### Prompt
Beginning at the first line of the data, print each line exactly, stopping after the line that contains "#193=IFCRELAGGREGATES('0000000000000000000017',$,$,$,#11,(#15));".

### Data provided
+---+

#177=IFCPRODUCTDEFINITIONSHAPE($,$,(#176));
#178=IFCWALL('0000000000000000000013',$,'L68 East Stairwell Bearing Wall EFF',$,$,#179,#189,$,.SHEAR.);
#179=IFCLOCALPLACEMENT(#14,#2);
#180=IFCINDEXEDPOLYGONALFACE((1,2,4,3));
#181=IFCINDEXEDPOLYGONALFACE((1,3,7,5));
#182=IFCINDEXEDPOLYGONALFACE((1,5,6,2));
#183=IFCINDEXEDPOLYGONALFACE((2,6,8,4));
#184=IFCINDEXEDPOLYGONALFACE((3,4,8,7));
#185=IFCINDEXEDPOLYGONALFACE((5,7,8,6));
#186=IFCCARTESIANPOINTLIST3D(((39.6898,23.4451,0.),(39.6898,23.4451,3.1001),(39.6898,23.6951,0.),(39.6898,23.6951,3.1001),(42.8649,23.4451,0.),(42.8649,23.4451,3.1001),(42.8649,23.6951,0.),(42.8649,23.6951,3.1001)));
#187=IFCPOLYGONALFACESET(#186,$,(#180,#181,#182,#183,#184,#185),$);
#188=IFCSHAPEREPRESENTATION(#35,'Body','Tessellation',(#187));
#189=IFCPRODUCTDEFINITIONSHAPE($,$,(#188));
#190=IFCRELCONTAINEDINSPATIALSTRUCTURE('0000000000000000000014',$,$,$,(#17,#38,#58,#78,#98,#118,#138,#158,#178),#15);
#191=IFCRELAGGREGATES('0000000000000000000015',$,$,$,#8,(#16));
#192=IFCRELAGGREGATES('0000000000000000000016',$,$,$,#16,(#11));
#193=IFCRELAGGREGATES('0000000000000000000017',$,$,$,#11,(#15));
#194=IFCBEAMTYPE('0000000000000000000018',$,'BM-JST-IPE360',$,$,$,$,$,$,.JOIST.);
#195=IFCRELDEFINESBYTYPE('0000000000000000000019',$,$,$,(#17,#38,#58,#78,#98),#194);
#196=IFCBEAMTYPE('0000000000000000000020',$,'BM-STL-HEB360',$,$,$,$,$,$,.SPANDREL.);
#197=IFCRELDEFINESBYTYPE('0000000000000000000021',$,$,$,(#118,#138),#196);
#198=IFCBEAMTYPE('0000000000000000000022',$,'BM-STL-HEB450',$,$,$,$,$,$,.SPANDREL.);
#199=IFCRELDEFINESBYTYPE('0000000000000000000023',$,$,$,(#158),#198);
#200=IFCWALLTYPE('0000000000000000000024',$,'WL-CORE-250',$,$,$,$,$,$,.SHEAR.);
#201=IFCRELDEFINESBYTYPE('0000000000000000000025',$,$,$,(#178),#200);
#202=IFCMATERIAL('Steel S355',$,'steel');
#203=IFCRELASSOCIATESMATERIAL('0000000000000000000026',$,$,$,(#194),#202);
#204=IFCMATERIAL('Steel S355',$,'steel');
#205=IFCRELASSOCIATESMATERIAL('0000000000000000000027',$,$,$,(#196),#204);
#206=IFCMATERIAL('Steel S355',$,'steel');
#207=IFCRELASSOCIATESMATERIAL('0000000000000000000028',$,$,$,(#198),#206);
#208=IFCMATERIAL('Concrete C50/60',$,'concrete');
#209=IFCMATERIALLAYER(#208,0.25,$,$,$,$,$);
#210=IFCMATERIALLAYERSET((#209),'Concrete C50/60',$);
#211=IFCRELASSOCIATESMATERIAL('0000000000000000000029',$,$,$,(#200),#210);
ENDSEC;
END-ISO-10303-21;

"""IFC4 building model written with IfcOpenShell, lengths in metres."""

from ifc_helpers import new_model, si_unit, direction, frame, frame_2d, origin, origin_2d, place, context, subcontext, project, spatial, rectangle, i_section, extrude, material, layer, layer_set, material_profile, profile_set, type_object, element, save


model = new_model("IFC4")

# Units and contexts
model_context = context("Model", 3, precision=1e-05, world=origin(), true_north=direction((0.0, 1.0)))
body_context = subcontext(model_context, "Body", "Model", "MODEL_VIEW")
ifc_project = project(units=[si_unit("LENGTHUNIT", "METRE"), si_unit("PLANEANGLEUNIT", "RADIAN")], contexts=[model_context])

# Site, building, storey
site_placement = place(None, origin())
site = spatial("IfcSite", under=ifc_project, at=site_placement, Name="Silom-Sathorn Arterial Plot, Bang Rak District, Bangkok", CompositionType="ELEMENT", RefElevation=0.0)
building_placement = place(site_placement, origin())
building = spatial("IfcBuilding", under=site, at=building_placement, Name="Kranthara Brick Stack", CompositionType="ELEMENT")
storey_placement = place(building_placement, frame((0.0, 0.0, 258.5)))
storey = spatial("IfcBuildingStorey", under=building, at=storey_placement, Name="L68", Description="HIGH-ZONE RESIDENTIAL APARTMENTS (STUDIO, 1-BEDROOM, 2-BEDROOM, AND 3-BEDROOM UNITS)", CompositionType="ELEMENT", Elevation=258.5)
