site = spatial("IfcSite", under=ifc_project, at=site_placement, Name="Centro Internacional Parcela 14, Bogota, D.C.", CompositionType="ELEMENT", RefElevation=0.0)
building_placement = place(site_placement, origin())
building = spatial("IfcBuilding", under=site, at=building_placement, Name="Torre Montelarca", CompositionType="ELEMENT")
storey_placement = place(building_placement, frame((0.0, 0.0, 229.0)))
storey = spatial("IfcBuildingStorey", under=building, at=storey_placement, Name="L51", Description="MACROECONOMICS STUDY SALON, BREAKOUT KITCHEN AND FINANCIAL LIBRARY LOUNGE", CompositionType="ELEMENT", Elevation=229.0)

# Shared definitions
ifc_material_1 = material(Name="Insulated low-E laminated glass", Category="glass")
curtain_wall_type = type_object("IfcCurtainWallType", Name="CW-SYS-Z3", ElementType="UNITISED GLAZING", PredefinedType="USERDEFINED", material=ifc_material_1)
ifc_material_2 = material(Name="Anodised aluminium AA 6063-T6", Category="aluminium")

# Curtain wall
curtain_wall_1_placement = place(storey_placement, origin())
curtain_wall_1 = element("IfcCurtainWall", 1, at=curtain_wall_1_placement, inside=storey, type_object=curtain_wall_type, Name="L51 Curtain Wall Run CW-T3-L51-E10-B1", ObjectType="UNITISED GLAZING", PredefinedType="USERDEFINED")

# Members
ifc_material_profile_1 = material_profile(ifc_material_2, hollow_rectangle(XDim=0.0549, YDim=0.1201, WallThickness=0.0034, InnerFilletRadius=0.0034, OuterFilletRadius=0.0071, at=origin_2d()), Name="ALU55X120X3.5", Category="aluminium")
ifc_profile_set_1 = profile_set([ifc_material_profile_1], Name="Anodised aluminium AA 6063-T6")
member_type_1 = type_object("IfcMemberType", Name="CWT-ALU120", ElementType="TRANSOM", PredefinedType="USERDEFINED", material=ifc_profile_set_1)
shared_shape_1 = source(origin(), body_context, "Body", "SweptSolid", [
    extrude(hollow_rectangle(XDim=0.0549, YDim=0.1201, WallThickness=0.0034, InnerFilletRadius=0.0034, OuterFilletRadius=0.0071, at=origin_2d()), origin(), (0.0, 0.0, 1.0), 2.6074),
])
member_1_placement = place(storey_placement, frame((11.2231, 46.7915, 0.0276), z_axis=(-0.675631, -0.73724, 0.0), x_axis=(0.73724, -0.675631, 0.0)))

+---+

### Solution below
#177=IFCPRODUCTDEFINITIONSHAPE($,$,(#176));
#178=IFCWALL('0000000000000000000013',$,'L68 East Stairwell Bearing Wall EFF',$,$,#179,#189,$,.SHEAR.);
#179=IFCLOCALPLACEMENT(#14,#2);
#180=IFCINDEXEDPOLYGONALFACE((1,2,4,3));
#181=IFCINDEXEDPOLYGONALFACE((1,3,7,5));
#182=IFCINDEXEDPOLYGONALFACE((1,5,6,2));
#183=IFCINDEXEDPOLYGONALFACE((2,6,8,4));
#184=IFCINDEXEDPOLYGONALFACE((3,4,8,7));
#185=IFCINDEXEDPOLYGONALFACE((5,7,8,6));
#186=IFCCARTESIANPOINTLIST3D(((39.6898,23.4451,0.),(39.6898,23.4451,3.1001),(39.6898,23.6951,0.),(39.6898,23.6951,3.1001),(42.8649,23.4451,0.),(42.8649,23.4451,3.1001),(42.8649,23.6951,0.),(42.8649,23.6951,3.1001)));
#187=IFCPOLYGONALFACESET(#186,$,(#180,#181,#182,#183,#184,#185),$);
#188=IFCSHAPEREPRESENTATION(#35,'Body','Tessellation',(#187));
#189=IFCPRODUCTDEFINITIONSHAPE($,$,(#188));
#190=IFCRELCONTAINEDINSPATIALSTRUCTURE('0000000000000000000014',$,$,$,(#17,#38,#58,#78,#98,#118,#138,#158,#178),#15);
#191=IFCRELAGGREGATES('0000000000000000000015',$,$,$,#8,(#16));
#192=IFCRELAGGREGATES('0000000000000000000016',$,$,$,#16,(#11));
#193=IFCRELAGGREGATES('0000000000000000000017',$,$,$,#11,(#15));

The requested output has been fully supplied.